* SUPPLIED DATA

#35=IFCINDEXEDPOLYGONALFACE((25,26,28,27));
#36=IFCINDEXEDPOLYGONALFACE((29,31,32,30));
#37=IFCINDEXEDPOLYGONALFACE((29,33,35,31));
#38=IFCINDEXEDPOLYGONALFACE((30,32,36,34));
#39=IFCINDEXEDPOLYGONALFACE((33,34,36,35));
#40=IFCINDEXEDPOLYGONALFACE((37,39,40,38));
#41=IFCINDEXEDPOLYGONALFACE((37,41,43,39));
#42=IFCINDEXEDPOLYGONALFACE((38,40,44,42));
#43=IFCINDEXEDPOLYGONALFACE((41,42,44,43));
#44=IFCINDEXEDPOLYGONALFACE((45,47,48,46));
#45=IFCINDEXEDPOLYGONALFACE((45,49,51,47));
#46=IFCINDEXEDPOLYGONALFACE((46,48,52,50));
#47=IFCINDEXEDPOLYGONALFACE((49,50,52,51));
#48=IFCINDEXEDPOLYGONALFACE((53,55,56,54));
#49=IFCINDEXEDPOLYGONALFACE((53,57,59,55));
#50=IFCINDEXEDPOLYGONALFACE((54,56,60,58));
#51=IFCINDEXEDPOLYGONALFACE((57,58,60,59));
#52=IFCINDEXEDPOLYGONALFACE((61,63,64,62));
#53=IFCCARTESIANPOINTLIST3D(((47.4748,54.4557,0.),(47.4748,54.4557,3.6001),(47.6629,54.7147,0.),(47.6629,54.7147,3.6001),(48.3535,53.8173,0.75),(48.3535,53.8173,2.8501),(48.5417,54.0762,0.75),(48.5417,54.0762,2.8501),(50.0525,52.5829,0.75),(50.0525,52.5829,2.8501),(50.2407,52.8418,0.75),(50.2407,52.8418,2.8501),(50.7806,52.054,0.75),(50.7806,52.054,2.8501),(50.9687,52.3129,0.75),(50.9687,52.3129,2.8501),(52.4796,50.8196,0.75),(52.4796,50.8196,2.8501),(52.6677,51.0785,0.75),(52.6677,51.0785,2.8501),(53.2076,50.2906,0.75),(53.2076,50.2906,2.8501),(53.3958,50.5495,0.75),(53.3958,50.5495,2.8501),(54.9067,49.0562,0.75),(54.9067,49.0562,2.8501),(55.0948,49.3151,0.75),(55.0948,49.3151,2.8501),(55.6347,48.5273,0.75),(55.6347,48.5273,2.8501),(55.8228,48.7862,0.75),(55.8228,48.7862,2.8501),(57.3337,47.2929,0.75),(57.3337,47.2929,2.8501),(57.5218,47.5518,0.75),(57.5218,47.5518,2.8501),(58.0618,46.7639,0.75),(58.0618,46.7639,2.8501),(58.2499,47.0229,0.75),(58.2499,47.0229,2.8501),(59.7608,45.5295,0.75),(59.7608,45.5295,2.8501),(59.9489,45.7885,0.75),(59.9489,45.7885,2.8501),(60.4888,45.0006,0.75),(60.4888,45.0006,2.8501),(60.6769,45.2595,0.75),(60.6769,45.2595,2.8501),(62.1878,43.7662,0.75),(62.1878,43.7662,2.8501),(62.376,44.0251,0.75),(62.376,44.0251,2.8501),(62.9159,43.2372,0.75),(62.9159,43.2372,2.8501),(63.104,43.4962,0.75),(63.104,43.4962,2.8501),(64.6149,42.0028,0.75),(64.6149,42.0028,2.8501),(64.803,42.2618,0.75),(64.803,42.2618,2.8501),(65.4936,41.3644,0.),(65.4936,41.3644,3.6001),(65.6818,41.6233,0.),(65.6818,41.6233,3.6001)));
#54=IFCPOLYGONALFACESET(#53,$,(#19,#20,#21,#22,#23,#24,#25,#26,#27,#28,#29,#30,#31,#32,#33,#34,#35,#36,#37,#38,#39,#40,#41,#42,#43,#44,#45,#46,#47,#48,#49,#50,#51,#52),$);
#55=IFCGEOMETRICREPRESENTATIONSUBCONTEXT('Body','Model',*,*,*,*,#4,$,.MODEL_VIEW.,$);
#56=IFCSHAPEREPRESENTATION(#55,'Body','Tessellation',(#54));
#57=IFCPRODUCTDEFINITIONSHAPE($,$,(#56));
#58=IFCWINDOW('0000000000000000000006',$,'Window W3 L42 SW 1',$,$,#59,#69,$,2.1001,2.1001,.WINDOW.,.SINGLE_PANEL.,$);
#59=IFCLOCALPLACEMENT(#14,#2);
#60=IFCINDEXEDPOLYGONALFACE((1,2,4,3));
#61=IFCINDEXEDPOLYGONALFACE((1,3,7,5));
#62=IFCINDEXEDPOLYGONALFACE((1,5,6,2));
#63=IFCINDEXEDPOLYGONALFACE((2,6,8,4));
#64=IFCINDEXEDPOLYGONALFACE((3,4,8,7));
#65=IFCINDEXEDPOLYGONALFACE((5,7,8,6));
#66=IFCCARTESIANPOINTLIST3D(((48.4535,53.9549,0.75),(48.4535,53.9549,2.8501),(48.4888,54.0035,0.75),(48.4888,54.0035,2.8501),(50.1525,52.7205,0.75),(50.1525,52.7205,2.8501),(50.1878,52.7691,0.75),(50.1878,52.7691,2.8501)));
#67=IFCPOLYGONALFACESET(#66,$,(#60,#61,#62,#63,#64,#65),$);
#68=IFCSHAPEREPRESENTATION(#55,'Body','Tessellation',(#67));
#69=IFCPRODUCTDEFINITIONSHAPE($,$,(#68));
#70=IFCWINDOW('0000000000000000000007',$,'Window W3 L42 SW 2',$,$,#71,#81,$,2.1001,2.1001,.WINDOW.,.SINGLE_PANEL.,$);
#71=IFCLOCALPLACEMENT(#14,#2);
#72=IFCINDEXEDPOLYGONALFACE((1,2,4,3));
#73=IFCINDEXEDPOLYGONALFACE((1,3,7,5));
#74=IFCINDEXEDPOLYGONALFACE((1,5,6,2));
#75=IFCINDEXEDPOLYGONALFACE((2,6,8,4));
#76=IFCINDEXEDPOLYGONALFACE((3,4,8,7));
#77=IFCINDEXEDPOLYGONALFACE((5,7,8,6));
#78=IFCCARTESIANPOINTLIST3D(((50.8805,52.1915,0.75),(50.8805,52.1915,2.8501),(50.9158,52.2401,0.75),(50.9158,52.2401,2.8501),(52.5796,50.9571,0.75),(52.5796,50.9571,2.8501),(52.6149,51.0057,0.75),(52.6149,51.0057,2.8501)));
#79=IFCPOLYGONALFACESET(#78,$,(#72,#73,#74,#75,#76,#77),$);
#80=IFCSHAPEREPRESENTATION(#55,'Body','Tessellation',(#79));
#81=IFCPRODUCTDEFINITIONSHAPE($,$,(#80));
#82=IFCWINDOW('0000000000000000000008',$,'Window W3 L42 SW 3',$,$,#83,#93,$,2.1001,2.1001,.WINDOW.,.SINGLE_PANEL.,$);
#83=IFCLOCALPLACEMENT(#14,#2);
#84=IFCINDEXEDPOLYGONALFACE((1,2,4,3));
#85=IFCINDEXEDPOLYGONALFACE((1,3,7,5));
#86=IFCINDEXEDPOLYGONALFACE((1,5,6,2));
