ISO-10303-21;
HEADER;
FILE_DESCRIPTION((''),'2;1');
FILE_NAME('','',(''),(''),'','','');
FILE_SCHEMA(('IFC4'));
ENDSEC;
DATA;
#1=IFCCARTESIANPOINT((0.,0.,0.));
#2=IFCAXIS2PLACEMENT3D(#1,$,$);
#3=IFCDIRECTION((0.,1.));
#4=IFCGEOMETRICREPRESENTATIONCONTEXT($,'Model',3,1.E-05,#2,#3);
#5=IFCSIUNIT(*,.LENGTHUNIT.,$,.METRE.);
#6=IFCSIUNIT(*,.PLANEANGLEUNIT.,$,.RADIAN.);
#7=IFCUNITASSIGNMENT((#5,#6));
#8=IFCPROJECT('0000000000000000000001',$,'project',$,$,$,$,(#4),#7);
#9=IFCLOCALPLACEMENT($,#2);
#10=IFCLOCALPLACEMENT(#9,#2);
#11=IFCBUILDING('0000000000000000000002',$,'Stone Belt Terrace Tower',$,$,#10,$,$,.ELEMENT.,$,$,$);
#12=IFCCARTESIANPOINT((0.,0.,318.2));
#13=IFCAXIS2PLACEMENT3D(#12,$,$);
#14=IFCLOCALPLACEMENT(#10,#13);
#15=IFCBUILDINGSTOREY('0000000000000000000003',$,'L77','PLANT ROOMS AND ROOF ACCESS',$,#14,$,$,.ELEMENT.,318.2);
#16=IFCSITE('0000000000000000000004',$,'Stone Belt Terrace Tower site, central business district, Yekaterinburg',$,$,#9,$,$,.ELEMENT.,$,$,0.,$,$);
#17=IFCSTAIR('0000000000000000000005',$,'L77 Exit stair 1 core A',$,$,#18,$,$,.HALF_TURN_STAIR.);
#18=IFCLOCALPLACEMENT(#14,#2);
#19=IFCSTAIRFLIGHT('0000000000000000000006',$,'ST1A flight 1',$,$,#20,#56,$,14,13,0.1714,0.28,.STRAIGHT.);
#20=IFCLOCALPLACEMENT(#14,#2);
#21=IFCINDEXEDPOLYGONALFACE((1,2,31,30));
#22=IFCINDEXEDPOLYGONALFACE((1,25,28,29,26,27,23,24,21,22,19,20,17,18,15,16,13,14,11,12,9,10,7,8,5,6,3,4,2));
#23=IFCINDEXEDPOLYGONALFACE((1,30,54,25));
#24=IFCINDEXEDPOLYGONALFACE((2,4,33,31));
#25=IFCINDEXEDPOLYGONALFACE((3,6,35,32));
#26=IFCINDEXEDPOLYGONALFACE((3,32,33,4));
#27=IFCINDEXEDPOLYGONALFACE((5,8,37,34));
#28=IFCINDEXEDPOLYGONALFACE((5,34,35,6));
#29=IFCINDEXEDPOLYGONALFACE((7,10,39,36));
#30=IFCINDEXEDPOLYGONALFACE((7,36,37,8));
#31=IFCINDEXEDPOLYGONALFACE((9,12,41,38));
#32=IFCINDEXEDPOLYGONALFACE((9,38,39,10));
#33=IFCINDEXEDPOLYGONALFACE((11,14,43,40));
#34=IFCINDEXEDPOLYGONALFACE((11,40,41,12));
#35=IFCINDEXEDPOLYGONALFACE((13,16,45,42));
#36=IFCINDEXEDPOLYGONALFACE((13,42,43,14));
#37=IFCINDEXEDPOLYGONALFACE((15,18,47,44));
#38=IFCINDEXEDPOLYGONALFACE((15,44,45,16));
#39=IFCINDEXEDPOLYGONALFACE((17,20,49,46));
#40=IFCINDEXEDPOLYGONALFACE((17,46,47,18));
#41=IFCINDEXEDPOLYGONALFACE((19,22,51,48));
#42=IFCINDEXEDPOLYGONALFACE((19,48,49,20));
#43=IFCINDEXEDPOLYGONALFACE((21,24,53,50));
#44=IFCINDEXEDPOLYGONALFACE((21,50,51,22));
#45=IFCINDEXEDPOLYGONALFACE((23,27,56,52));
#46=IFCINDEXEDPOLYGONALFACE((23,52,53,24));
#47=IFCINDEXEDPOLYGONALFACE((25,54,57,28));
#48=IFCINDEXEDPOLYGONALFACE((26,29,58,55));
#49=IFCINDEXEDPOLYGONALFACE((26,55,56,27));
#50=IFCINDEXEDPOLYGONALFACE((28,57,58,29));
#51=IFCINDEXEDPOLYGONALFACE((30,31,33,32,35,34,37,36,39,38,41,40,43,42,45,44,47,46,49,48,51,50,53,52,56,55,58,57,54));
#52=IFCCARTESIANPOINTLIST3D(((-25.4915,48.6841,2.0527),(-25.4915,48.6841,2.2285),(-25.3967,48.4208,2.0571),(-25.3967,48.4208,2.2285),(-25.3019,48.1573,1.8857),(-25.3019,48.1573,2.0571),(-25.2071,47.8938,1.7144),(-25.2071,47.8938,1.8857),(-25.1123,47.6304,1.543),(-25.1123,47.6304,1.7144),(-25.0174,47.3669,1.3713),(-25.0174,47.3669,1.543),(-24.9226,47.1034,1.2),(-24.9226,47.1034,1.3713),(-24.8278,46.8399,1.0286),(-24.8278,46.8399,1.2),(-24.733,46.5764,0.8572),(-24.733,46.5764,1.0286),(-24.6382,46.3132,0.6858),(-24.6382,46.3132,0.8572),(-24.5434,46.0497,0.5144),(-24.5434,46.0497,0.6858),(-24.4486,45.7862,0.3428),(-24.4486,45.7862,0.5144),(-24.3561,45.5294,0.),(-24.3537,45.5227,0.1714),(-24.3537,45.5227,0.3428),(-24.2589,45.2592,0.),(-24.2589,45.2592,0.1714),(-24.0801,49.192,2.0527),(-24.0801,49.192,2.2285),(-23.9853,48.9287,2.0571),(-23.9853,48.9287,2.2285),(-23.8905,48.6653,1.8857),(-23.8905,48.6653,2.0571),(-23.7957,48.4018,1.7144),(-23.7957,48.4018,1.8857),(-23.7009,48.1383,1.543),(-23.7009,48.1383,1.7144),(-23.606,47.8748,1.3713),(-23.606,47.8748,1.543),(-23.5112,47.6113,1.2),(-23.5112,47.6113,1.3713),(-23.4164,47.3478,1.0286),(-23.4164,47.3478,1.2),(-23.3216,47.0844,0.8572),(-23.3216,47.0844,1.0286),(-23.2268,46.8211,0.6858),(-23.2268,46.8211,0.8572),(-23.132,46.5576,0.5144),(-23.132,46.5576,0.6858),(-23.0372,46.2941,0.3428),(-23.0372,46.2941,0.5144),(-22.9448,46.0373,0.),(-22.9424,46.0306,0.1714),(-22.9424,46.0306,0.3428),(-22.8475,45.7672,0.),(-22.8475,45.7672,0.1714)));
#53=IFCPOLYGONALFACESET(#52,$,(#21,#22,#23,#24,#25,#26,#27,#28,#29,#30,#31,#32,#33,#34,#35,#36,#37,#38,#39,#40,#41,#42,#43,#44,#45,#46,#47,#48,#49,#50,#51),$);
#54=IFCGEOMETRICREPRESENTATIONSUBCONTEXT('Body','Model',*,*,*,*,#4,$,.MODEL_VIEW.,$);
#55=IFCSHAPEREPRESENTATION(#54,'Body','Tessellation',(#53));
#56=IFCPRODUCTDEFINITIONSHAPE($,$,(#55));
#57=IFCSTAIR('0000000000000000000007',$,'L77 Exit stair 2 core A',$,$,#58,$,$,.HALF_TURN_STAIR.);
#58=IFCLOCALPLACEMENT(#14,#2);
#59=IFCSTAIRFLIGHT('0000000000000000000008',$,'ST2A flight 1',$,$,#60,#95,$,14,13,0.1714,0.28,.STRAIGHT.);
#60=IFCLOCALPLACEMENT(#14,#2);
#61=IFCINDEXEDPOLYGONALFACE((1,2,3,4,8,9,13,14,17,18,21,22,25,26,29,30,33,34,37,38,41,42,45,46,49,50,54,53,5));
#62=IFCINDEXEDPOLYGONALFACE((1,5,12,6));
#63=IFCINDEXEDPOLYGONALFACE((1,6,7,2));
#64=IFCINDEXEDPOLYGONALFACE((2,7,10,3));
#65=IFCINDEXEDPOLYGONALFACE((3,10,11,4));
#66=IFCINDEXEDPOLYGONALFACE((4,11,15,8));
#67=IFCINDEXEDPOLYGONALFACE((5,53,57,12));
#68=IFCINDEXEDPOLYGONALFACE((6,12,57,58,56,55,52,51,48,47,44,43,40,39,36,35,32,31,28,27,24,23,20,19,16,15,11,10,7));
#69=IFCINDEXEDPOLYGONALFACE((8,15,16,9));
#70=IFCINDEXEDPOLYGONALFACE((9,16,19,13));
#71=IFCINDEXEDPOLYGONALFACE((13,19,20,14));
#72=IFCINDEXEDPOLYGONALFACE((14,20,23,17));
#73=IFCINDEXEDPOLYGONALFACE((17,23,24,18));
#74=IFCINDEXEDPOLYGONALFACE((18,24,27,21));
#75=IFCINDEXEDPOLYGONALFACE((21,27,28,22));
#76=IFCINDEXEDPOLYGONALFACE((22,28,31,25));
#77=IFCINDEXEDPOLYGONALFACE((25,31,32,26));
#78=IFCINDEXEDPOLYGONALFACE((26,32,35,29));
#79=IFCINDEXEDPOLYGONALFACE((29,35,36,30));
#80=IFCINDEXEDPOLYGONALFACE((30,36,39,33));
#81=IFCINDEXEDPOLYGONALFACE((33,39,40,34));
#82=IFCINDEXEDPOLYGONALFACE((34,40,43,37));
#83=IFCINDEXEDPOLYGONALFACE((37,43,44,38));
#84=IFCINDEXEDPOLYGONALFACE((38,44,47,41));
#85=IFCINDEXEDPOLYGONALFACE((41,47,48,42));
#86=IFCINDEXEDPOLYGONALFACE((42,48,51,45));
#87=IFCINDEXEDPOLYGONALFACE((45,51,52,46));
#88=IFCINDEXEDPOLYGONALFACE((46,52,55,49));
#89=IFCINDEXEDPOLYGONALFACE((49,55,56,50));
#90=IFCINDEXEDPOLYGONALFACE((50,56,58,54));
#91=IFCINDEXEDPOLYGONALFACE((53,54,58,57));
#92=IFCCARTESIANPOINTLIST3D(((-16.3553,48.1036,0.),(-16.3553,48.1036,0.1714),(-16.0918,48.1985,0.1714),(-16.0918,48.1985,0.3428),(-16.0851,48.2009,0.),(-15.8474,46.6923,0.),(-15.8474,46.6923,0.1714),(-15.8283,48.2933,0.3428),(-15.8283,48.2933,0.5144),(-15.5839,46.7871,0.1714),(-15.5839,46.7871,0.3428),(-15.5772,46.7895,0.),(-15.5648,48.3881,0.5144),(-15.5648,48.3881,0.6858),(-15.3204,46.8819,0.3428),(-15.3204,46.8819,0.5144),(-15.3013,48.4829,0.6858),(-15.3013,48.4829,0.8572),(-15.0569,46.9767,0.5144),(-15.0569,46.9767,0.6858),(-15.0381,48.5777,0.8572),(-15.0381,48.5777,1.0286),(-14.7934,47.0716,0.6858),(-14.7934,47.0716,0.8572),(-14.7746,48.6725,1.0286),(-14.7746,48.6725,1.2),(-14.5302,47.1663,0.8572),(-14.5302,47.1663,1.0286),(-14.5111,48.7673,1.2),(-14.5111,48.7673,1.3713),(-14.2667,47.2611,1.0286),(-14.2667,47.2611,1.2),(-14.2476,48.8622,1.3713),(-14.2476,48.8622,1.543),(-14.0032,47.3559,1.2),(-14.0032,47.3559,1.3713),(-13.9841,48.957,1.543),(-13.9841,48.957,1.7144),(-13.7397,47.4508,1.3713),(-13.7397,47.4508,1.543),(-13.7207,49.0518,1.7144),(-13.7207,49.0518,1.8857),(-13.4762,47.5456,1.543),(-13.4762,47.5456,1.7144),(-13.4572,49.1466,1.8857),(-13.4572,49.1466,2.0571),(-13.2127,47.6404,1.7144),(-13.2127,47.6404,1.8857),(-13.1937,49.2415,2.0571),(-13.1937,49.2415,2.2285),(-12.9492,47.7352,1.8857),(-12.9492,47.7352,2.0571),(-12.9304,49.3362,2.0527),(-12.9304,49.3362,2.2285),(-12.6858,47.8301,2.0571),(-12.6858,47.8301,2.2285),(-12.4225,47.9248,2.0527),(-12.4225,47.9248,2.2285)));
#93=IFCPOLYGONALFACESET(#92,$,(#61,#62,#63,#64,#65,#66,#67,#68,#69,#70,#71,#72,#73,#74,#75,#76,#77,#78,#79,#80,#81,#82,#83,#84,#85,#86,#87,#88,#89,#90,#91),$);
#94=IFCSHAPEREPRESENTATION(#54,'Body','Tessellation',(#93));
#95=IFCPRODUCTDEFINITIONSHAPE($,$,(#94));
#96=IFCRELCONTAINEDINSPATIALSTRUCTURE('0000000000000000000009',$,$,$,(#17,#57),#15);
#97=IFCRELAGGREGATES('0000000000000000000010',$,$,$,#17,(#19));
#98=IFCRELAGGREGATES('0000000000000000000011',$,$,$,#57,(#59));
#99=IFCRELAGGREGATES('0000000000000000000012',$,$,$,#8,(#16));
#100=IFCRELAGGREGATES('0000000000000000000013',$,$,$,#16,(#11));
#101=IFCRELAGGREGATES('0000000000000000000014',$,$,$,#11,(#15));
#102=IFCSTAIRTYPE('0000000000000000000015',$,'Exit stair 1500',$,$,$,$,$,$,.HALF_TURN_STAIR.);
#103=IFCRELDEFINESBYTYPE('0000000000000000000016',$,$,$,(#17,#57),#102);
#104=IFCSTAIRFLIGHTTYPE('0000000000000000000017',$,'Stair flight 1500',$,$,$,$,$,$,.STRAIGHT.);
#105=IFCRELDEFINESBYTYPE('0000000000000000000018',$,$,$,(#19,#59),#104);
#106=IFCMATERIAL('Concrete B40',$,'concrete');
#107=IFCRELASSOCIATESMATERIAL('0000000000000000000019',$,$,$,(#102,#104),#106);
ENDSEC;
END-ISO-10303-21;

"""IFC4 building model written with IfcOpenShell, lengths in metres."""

from ifc_helpers import new_model, si_unit, direction, frame, origin, place, context, subcontext, project, spatial, polyline, outline, extrude, material, type_object, element, aggregate, save


model = new_model("IFC4")

# Units and contexts
model_context = context("Model", 3, precision=1e-05, world=origin(), true_north=direction((0.0, 1.0)))
body_context = subcontext(model_context, "Body", "Model", "MODEL_VIEW")
ifc_project = project(units=[si_unit("LENGTHUNIT", "METRE"), si_unit("PLANEANGLEUNIT", "RADIAN")], contexts=[model_context])

# Site, building, storey
site_placement = place(None, origin())
site = spatial("IfcSite", under=ifc_project, at=site_placement, Name="Stone Belt Terrace Tower site, central business district, Yekaterinburg", CompositionType="ELEMENT", RefElevation=0.0)
building_placement = place(site_placement, origin())
building = spatial("IfcBuilding", under=site, at=building_placement, Name="Stone Belt Terrace Tower", CompositionType="ELEMENT")
storey_placement = place(building_placement, frame((0.0, 0.0, 318.2)))
storey = spatial("IfcBuildingStorey", under=building, at=storey_placement, Name="L77", Description="PLANT ROOMS AND ROOF ACCESS", CompositionType="ELEMENT", Elevation=318.2)

# Stairs, stair flights
ifc_material_1 = material(Name="Concrete B40", Category="concrete")
stair_type = type_object("IfcStairType", Name="Exit stair 1500", PredefinedType="HALF_TURN_STAIR", material=ifc_material_1)
stair_1_placement = place(storey_placement, origin())
stair_1 = element("IfcStair", 1, at=stair_1_placement, inside=storey, type_object=stair_type, Name="L77 Exit stair 1 core A", PredefinedType="HALF_TURN_STAIR")
stair_flight_type = type_object("IfcStairFlightType", Name="Stair flight 1500", PredefinedType="STRAIGHT", material=ifc_material_1)
stair_flight_1_placement = place(storey_placement, frame((-23.5532, 45.5132, 0.0), z_axis=(0.0, 0.0, 1.0), x_axis=(-0.338624, 0.940922, 0.0)))
stair_flight_1 = element("IfcStairFlight", 2, at=stair_flight_1_placement, type_object=stair_flight_type, Name="ST1A flight 1", NumberOfRisers=14, NumberOfTreads=13, PredefinedType="STRAIGHT", RiserHeight=0.1714, TreadLength=0.28, context=body_context, shape_type="SweptSolid", body=[
    extrude(outline(polyline([(0.0, 0.0), (0.0, 0.1714), (0.28, 0.1714), (0.28, 0.3428), (0.5601, 0.3428), (0.5601, 0.5144), (0.8401, 0.5144), (0.8401, 0.6858), (1.1201, 0.6858), (1.1201, 0.8572), (1.3999, 0.8572), (1.3999, 1.0286), (1.6799, 1.0286), (1.6799, 1.2), (1.96, 1.2), (1.96, 1.3713), (2.24, 1.3713), (2.24, 1.543), (2.52, 1.543), (2.52, 1.7144), (2.8, 1.7144), (2.8, 1.8857), (3.0801, 1.8857), (3.0801, 2.0571), (3.3601, 2.0571), (3.3601, 2.2285), (3.6399, 2.2285), (3.6399, 2.3999), (3.6399, 2.0527), (0.2871, 0.0), (0.0, 0.0)])), frame((0.0, 0.75, 0.0), z_axis=(0.0, -1.0, 0.0), x_axis=(1.0, 0.0, 0.0)), (0.0, 0.0, 1.0), 1.5),
])
aggregate(stair_1, [stair_flight_1])
stair_2_placement = place(storey_placement, origin())
stair_2 = element("IfcStair", 3, at=stair_2_placement, inside=storey, type_object=stair_type, Name="L77 Exit stair 2 core A", PredefinedType="HALF_TURN_STAIR")
stair_flight_2_placement = place(storey_placement, frame((-16.1013, 47.3979, 0.0), z_axis=(0.0, 0.0, 1.0), x_axis=(0.940922, 0.338624, 0.0)))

* WORK INSTRUCTION
Look through the entries above; copy every line holding the string "Tessellation".

* YOUR SOLUTION
#56=IFCSHAPEREPRESENTATION(#55,'Body','Tessellation',(#54));
#68=IFCSHAPEREPRESENTATION(#55,'Body','Tessellation',(#67));
#80=IFCSHAPEREPRESENTATION(#55,'Body','Tessellation',(#79));
#55=IFCSHAPEREPRESENTATION(#54,'Body','Tessellation',(#53));
#94=IFCSHAPEREPRESENTATION(#54,'Body','Tessellation',(#93));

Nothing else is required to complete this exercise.